INSTRUCTIONS FOR THE TASK: Filter the data for lines with the word "IFCCOLUMNTYPE" and copy those lines.

** Opening SOURCE MATERIAL block **

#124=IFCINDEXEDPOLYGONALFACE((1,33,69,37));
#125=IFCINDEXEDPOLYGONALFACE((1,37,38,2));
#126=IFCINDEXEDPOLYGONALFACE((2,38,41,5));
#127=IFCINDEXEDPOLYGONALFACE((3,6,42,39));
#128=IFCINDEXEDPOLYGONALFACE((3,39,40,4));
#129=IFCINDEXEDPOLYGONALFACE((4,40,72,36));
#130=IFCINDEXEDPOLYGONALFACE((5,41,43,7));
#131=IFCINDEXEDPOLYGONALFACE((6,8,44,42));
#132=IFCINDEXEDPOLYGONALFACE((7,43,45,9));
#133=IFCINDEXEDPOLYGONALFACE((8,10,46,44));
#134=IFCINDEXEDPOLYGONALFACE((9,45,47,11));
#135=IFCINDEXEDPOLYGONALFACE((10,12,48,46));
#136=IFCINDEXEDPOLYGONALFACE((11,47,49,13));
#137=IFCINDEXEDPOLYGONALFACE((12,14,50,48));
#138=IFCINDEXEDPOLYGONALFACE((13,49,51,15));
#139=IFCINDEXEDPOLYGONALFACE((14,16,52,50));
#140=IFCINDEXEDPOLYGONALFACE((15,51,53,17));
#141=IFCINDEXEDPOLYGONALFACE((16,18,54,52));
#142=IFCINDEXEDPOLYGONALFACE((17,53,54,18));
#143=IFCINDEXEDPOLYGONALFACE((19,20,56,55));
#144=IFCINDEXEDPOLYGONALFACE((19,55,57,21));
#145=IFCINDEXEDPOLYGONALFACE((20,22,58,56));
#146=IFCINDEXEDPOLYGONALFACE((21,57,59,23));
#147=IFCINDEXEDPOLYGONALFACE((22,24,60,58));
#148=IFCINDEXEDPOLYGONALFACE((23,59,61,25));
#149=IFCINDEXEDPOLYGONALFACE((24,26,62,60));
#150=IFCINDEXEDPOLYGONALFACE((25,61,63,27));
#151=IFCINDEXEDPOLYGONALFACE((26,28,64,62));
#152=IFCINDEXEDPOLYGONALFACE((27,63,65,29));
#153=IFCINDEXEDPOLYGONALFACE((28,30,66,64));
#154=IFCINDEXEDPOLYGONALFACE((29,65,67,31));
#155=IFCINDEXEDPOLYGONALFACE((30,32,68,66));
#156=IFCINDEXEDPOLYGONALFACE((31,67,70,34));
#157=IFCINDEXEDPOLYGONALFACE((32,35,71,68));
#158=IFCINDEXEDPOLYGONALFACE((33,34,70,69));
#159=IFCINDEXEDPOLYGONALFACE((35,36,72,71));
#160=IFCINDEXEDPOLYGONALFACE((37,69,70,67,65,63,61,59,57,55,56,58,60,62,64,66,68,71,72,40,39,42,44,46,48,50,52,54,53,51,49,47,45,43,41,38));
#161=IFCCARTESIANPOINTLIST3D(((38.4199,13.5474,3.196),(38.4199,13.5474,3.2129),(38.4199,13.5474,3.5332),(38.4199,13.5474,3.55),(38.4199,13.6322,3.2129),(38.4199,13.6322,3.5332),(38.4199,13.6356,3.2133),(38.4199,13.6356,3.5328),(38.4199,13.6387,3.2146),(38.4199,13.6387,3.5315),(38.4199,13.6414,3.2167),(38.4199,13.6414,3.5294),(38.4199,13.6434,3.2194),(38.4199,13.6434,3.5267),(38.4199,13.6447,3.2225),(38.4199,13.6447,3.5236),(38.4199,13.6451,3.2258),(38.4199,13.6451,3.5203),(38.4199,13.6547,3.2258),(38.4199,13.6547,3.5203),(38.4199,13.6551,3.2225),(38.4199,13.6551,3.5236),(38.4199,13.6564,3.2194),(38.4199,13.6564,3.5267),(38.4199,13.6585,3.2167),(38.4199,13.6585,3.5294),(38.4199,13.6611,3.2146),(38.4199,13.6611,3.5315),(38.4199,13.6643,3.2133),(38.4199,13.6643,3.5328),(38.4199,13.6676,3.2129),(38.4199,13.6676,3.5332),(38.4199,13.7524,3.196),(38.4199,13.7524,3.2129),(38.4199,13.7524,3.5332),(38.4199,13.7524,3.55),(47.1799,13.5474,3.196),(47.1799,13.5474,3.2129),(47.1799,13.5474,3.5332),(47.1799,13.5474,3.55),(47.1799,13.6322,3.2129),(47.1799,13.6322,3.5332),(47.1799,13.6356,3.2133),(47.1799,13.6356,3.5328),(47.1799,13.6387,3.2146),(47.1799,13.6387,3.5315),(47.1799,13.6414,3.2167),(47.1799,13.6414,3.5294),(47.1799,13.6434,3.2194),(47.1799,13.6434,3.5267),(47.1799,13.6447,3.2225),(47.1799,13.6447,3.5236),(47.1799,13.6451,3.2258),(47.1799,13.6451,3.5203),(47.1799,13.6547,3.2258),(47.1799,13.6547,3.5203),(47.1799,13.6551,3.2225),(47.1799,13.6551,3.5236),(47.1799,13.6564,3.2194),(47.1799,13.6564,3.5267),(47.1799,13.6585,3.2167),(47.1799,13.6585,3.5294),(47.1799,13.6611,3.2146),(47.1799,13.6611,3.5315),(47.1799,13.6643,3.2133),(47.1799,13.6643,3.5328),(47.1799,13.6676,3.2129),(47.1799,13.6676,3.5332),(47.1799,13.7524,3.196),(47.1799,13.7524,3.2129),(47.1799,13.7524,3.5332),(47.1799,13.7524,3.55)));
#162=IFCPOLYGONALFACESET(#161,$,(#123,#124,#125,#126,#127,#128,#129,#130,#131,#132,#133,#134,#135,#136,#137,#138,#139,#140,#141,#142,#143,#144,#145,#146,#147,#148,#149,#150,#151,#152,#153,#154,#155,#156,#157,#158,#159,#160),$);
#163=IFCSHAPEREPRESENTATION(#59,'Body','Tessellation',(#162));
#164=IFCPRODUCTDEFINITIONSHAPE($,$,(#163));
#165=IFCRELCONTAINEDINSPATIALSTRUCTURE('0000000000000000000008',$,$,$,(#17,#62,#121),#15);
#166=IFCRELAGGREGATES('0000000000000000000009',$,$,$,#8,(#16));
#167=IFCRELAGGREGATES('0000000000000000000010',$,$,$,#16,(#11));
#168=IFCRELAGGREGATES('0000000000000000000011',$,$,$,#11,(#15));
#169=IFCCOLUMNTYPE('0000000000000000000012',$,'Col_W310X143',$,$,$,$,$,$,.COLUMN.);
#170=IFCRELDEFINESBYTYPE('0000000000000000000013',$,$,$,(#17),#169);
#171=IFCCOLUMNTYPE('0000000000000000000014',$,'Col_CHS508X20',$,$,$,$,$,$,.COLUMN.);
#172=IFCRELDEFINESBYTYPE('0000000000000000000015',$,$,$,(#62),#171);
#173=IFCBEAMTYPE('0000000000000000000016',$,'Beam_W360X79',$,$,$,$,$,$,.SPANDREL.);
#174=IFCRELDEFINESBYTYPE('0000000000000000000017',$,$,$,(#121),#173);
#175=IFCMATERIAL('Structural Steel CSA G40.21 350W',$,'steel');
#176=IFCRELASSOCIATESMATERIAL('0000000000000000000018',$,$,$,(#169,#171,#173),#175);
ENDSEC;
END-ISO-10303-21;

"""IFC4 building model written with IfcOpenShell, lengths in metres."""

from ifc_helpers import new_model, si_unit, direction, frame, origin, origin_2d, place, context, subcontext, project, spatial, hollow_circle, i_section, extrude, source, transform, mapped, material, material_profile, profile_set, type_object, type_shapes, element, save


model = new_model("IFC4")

** Closing SOURCE MATERIAL block **

THE ANSWER:
#169=IFCCOLUMNTYPE('0000000000000000000012',$,'Col_W310X143',$,$,$,$,$,$,.COLUMN.);
#171=IFCCOLUMNTYPE('0000000000000000000014',$,'Col_CHS508X20',$,$,$,$,$,$,.COLUMN.);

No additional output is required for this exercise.